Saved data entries
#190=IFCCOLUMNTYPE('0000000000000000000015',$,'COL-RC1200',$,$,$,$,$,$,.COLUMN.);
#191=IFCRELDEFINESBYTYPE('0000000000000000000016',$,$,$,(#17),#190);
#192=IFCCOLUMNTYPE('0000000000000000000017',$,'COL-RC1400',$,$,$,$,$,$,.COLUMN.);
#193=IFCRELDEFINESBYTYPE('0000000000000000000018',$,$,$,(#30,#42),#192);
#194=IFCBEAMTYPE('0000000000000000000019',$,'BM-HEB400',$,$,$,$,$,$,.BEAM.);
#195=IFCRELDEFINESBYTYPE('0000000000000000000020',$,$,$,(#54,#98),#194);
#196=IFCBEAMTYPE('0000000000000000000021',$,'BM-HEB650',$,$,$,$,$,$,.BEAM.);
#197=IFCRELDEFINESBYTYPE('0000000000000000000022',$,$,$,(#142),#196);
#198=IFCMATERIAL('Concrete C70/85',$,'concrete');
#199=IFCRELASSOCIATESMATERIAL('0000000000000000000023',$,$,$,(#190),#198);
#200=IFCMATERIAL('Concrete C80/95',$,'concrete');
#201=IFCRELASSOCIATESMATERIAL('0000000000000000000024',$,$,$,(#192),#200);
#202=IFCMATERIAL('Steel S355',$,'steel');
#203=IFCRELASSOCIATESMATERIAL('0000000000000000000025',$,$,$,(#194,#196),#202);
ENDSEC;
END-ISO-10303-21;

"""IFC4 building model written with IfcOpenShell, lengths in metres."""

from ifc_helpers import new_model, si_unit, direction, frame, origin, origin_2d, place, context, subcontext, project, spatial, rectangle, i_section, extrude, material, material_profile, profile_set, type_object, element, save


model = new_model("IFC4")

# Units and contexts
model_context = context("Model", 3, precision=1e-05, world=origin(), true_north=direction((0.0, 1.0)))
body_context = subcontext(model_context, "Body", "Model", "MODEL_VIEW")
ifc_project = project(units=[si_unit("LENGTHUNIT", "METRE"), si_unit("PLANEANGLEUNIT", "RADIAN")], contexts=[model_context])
...
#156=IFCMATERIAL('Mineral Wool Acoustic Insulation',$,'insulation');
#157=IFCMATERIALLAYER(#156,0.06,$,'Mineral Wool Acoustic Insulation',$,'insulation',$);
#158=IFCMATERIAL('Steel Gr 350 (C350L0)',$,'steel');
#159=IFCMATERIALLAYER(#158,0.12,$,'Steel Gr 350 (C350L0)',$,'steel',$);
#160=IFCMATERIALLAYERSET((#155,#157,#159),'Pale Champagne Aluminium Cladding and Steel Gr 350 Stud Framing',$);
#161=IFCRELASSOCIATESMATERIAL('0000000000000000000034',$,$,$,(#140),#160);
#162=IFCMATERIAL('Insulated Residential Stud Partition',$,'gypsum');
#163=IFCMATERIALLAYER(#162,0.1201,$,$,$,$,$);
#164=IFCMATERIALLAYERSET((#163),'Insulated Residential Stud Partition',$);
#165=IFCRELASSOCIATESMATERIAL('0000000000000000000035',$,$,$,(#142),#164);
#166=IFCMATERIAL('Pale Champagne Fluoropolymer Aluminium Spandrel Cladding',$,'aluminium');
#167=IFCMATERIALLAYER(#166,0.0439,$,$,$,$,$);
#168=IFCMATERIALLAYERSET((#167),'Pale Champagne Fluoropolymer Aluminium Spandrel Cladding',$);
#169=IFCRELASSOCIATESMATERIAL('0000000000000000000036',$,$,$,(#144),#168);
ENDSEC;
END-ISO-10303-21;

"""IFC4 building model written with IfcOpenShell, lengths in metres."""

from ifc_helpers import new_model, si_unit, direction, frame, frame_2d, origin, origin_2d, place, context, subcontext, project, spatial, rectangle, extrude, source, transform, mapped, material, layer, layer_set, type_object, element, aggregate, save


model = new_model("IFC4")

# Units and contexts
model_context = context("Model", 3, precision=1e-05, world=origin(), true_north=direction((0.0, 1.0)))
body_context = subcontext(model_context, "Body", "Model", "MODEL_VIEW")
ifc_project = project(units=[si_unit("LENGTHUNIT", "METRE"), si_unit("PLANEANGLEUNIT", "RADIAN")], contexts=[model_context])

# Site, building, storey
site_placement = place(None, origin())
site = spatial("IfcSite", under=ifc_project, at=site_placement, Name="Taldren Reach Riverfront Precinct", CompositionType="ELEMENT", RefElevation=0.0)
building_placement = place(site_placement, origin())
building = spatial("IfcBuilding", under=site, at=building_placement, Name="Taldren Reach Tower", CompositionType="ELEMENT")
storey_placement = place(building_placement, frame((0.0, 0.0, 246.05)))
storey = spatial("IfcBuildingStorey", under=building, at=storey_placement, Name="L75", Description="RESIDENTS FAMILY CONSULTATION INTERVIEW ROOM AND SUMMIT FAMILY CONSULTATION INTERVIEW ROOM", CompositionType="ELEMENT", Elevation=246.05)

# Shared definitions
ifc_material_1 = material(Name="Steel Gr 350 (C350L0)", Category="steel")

◆ Action item
Please return a copy of each line in the entries that has the string "Acoustic".

◆ Solution to this problem
#156=IFCMATERIAL('Mineral Wool Acoustic Insulation',$,'insulation');
#157=IFCMATERIALLAYER(#156,0.06,$,'Mineral Wool Acoustic Insulation',$,'insulation',$);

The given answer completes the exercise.